INFORMATION GIVEN >>
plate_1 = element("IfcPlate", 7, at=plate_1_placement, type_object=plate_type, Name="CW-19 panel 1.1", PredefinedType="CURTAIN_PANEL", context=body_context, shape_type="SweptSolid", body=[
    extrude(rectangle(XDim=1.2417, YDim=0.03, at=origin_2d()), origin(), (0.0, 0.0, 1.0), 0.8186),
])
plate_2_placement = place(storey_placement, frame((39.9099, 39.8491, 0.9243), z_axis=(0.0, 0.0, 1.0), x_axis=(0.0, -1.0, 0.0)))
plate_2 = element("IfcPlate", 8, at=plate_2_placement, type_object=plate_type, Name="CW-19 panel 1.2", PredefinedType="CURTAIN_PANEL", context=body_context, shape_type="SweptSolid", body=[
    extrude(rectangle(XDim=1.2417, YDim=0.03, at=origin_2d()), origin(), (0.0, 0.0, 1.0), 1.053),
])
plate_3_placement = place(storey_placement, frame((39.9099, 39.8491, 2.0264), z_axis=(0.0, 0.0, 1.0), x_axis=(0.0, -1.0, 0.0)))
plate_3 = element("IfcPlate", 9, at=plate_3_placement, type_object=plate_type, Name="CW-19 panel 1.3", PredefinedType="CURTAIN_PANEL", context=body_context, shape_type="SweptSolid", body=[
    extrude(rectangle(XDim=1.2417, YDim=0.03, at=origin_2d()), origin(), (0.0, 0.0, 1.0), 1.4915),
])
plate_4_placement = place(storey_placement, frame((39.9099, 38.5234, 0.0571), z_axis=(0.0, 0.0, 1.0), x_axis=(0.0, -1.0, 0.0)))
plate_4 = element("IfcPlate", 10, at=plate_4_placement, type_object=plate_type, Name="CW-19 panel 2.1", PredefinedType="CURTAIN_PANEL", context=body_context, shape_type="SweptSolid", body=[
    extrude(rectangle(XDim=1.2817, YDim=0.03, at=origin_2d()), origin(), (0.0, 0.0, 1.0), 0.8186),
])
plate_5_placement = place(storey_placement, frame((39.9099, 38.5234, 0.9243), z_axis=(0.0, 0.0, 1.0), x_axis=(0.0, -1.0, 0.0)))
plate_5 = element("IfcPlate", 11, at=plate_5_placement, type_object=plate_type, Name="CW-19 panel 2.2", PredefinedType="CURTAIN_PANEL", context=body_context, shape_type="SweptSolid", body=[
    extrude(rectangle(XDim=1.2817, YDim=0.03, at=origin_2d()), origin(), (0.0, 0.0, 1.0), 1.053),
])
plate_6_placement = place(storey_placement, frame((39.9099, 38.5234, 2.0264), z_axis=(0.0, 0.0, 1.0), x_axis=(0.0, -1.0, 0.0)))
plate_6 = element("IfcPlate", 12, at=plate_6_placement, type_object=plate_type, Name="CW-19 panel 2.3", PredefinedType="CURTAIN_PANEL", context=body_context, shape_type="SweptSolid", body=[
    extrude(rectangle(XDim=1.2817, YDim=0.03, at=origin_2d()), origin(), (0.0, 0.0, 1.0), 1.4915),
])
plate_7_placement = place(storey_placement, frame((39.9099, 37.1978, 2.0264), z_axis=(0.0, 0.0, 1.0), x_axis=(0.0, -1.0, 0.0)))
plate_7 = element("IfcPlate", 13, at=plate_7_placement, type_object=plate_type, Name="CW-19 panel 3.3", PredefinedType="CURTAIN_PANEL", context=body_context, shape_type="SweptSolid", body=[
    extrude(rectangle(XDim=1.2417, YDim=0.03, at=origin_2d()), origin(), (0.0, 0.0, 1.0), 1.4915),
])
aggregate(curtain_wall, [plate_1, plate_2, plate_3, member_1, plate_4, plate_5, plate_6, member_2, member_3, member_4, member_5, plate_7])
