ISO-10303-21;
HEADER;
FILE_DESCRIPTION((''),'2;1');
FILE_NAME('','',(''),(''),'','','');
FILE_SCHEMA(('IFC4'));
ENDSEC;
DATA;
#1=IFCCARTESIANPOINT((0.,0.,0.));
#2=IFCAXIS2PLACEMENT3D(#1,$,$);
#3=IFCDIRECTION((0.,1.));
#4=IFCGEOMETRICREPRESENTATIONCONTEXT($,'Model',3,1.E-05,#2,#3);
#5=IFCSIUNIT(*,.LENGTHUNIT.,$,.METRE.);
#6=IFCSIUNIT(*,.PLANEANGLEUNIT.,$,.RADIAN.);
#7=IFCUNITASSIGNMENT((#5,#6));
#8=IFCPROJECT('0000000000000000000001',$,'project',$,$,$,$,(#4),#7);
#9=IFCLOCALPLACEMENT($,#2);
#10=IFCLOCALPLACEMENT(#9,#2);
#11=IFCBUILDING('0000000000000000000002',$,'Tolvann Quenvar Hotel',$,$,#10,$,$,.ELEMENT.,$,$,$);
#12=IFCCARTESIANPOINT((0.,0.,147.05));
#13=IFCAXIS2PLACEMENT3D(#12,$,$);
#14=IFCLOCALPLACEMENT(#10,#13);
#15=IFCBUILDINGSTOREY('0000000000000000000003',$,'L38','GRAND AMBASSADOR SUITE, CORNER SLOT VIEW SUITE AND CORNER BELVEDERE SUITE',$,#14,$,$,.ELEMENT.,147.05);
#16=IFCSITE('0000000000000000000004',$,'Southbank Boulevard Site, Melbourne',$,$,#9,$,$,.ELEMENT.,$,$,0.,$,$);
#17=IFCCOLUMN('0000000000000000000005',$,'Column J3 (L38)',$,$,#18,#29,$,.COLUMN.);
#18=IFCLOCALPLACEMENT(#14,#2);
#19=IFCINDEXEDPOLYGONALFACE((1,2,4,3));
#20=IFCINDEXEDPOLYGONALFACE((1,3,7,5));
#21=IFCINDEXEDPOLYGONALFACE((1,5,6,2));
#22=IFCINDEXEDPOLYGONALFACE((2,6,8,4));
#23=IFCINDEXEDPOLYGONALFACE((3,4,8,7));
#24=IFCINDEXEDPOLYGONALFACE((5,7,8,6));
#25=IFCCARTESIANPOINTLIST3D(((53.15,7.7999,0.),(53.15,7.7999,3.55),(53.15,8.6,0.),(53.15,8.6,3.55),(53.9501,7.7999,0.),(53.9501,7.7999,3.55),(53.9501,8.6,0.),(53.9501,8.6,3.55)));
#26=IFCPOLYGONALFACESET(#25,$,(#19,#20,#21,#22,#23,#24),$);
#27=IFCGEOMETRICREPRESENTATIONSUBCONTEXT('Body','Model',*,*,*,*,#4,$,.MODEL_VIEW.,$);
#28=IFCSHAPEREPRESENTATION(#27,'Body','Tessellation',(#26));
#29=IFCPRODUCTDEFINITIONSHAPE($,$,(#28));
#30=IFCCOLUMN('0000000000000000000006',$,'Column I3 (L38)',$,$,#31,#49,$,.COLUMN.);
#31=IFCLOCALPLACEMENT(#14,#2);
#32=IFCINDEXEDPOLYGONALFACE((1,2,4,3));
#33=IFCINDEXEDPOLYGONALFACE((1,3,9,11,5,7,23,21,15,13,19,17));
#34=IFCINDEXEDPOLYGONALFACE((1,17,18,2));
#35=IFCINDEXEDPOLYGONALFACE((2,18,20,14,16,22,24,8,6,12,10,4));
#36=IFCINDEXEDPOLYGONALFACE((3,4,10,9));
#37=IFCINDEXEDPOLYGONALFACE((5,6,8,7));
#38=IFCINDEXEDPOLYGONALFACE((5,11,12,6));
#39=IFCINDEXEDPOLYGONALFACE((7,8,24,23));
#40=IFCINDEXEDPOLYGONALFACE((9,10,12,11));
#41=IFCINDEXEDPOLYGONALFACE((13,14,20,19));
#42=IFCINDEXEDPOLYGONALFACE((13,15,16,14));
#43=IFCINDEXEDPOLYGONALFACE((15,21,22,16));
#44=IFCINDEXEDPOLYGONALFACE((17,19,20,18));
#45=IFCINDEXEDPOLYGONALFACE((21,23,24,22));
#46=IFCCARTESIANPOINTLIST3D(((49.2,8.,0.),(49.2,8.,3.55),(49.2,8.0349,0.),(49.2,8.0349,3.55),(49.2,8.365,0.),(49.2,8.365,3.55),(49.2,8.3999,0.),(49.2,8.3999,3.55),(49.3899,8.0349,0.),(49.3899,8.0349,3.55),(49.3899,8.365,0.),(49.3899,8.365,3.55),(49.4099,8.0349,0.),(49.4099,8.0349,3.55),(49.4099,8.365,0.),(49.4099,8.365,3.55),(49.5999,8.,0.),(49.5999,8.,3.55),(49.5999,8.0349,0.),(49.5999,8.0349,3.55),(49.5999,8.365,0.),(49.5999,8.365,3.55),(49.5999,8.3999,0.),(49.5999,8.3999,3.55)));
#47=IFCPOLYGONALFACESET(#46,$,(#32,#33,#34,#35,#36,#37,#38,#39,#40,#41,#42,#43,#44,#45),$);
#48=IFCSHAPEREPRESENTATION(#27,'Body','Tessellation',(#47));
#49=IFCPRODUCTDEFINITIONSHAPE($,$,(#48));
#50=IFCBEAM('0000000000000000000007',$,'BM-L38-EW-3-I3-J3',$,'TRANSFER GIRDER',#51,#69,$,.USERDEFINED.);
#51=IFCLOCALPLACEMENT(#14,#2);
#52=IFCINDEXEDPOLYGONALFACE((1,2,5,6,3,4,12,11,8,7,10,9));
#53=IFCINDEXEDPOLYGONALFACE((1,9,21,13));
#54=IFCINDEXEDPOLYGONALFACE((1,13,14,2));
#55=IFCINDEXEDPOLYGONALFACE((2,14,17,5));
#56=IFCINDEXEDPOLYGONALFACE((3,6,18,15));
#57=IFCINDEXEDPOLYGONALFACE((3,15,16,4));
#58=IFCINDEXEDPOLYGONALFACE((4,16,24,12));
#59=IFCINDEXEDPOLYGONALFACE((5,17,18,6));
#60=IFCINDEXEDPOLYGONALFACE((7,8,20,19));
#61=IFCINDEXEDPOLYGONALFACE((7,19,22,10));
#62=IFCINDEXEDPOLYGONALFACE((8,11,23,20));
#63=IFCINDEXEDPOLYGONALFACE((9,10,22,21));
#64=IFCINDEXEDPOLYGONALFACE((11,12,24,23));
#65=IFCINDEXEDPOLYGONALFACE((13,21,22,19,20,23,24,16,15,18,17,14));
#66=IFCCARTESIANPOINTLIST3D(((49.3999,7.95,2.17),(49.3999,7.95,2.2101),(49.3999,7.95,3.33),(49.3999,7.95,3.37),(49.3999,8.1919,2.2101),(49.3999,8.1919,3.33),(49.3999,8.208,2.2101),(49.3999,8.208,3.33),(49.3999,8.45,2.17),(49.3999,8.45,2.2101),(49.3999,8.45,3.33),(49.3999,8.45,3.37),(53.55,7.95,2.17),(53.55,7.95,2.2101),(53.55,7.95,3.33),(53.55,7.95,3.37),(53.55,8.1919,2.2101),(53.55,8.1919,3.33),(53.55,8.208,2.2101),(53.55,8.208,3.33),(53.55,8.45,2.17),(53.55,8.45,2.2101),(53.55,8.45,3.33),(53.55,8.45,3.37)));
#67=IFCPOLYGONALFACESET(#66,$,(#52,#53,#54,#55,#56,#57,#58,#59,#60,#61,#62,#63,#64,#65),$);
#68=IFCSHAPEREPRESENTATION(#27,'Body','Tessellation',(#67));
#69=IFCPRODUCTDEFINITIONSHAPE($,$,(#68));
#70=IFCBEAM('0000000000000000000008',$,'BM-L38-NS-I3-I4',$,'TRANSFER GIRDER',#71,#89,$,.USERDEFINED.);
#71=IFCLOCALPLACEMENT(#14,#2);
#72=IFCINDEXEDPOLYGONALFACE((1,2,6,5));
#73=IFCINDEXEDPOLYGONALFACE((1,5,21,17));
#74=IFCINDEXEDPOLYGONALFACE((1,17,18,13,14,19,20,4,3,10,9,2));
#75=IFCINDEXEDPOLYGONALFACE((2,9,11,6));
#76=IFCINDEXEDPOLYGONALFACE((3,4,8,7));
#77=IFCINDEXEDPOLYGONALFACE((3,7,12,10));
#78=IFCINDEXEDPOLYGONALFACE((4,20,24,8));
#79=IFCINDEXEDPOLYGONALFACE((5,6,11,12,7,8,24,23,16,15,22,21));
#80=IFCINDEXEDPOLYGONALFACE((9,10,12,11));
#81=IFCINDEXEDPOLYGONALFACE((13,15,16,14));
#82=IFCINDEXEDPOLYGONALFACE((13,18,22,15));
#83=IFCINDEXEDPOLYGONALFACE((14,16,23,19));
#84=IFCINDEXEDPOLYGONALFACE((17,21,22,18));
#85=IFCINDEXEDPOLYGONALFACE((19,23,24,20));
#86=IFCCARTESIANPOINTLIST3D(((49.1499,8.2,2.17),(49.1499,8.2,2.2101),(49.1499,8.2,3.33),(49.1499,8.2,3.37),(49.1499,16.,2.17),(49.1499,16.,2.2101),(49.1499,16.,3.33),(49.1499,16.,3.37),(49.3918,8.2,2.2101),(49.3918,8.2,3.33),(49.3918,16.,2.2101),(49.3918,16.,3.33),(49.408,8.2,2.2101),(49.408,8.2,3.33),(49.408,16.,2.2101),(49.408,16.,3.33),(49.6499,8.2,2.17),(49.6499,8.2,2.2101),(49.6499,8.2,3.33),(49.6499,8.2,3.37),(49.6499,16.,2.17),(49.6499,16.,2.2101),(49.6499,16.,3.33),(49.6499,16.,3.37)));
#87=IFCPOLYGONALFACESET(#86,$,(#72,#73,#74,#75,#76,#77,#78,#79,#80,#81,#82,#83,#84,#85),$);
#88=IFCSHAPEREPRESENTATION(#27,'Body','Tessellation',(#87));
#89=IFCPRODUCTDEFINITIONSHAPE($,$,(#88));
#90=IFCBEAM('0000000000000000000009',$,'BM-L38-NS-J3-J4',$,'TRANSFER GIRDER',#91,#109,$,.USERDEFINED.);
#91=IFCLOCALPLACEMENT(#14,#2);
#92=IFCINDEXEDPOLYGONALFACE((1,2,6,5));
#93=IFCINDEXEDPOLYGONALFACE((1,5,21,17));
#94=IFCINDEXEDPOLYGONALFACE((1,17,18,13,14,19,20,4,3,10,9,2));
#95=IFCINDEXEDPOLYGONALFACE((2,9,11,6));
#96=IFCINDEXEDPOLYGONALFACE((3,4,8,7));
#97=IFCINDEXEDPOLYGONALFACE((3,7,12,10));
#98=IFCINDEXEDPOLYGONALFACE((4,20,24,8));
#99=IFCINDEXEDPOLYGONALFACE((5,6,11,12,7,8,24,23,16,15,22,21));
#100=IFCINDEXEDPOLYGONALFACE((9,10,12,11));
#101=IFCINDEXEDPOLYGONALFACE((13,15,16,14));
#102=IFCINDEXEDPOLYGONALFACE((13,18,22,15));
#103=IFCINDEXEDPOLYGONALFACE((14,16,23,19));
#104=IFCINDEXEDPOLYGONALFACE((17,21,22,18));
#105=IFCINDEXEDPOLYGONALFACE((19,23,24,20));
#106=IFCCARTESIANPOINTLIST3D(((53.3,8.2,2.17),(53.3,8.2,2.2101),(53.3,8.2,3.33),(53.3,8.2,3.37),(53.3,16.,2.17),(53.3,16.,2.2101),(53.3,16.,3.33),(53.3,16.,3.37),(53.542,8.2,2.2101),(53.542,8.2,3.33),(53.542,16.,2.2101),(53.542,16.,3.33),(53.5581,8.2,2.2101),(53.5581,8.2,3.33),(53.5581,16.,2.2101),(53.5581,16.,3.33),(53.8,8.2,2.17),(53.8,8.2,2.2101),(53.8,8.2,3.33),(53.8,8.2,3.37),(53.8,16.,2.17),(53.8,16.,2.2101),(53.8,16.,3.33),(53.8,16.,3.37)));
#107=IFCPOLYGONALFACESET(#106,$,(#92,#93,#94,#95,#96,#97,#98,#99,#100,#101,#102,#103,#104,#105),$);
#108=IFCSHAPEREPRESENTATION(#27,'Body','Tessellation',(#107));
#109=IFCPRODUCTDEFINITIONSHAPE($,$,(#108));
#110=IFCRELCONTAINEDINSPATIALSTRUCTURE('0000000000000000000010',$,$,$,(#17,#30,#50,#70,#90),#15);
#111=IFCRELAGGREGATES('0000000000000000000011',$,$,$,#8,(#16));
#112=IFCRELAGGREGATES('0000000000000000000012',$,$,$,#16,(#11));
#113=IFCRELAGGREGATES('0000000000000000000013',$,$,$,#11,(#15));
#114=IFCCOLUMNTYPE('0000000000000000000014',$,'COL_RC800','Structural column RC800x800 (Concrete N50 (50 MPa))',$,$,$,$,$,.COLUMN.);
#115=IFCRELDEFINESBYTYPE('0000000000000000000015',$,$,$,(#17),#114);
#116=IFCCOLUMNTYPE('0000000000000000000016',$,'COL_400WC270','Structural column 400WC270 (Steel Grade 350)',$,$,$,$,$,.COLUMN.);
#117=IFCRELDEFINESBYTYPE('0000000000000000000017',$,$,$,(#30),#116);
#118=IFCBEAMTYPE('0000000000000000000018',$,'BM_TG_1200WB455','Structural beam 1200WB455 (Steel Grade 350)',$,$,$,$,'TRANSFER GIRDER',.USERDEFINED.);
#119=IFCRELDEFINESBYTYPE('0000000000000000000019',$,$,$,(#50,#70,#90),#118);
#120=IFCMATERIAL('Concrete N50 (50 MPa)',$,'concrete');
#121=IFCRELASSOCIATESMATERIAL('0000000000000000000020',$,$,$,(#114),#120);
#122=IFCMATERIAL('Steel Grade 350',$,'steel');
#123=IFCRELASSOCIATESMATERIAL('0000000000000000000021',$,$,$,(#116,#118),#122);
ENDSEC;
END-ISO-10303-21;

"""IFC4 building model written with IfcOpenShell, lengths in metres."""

from ifc_helpers import new_model, si_unit, direction, frame, origin, origin_2d, place, context, subcontext, project, spatial, rectangle, i_section, extrude, source, transform, mapped, material, material_profile, profile_set, type_object, type_shapes, element, save


model = new_model("IFC4")

# Units and contexts
model_context = context("Model", 3, precision=1e-05, world=origin(), true_north=direction((0.0, 1.0)))
body_context = subcontext(model_context, "Body", "Model", "MODEL_VIEW")
ifc_project = project(units=[si_unit("LENGTHUNIT", "METRE"), si_unit("PLANEANGLEUNIT", "RADIAN")], contexts=[model_context])

# Site, building, storey
site_placement = place(None, origin())
site = spatial("IfcSite", under=ifc_project, at=site_placement, Name="Southbank Boulevard Site, Melbourne", CompositionType="ELEMENT", RefElevation=0.0)
building_placement = place(site_placement, origin())
building = spatial("IfcBuilding", under=site, at=building_placement, Name="Tolvann Quenvar Hotel", CompositionType="ELEMENT")
storey_placement = place(building_placement, frame((0.0, 0.0, 147.05)))
storey = spatial("IfcBuildingStorey", under=building, at=storey_placement, Name="L38", Description="GRAND AMBASSADOR SUITE, CORNER SLOT VIEW SUITE AND CORNER BELVEDERE SUITE", CompositionType="ELEMENT", Elevation=147.05)

# Columns
ifc_material_1 = material(Name="Concrete N50 (50 MPa)", Category="concrete")
ifc_material_profile_1 = material_profile(ifc_material_1, rectangle(XDim=0.8, YDim=0.8, at=origin_2d()), Name="RC800x800")
ifc_profile_set_1 = profile_set([ifc_material_profile_1], Name="Concrete N50 (50 MPa)")
column_type_1 = type_object("IfcColumnType", Name="COL_RC800", Description="Structural column RC800x800 (Concrete N50 (50 MPa))", PredefinedType="COLUMN", material=ifc_profile_set_1)
shared_shape_1 = source(origin(), body_context, "Body", "SweptSolid", [
    extrude(rectangle(XDim=0.8, YDim=0.8, at=origin_2d()), origin(), (0.0, 0.0, 1.0), 3.55),
])
type_shapes(column_type_1, [shared_shape_1])
column_1_placement = place(storey_placement, frame((53.55, 8.2, 0.0), z_axis=(0.0, 0.0, 1.0), x_axis=(1.0, 0.0, 0.0)))
element("IfcColumn", 1, at=column_1_placement, inside=storey, type_object=column_type_1, Name="Column J3 (L38)", PredefinedType="COLUMN", context=body_context, shape_type="MappedRepresentation", body=[
    mapped(shared_shape_1, transform((0.0, 0.0, 0.0), x_axis=(1.0, 0.0, 0.0), y_axis=(0.0, 1.0, 0.0), z_axis=(0.0, 0.0, 1.0), scale=1.0)),
])
ifc_material_2 = material(Name="Steel Grade 350", Category="steel")
ifc_material_profile_2 = material_profile(ifc_material_2, i_section(OverallWidth=0.3999, OverallDepth=0.3999, WebThickness=0.02, FlangeThickness=0.0349, at=origin_2d()), Name="400WC270")
ifc_profile_set_2 = profile_set([ifc_material_profile_2], Name="Steel Grade 350")
column_type_2 = type_object("IfcColumnType", Name="COL_400WC270", Description="Structural column 400WC270 (Steel Grade 350)", PredefinedType="COLUMN", material=ifc_profile_set_2)
shared_shape_2 = source(origin(), body_context, "Body", "SweptSolid", [
    extrude(i_section(OverallWidth=0.3999, OverallDepth=0.3999, WebThickness=0.02, FlangeThickness=0.0349, at=origin_2d()), origin(), (0.0, 0.0, 1.0), 3.55),
])
type_shapes(column_type_2, [shared_shape_2])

EXERCISE BRIEF >> Within the material above, copy exactly the lines from the line that holds "#41=IFCINDEXEDPOLYGONALFACE((13,14,20,19));" up to and including the line that holds "#45=IFCINDEXEDPOLYGONALFACE((21,23,24,22));".

EXERCISE SOLUTION >>
#41=IFCINDEXEDPOLYGONALFACE((13,14,20,19));
#42=IFCINDEXEDPOLYGONALFACE((13,15,16,14));
#43=IFCINDEXEDPOLYGONALFACE((15,21,22,16));
#44=IFCINDEXEDPOLYGONALFACE((17,19,20,18));
#45=IFCINDEXEDPOLYGONALFACE((21,23,24,22));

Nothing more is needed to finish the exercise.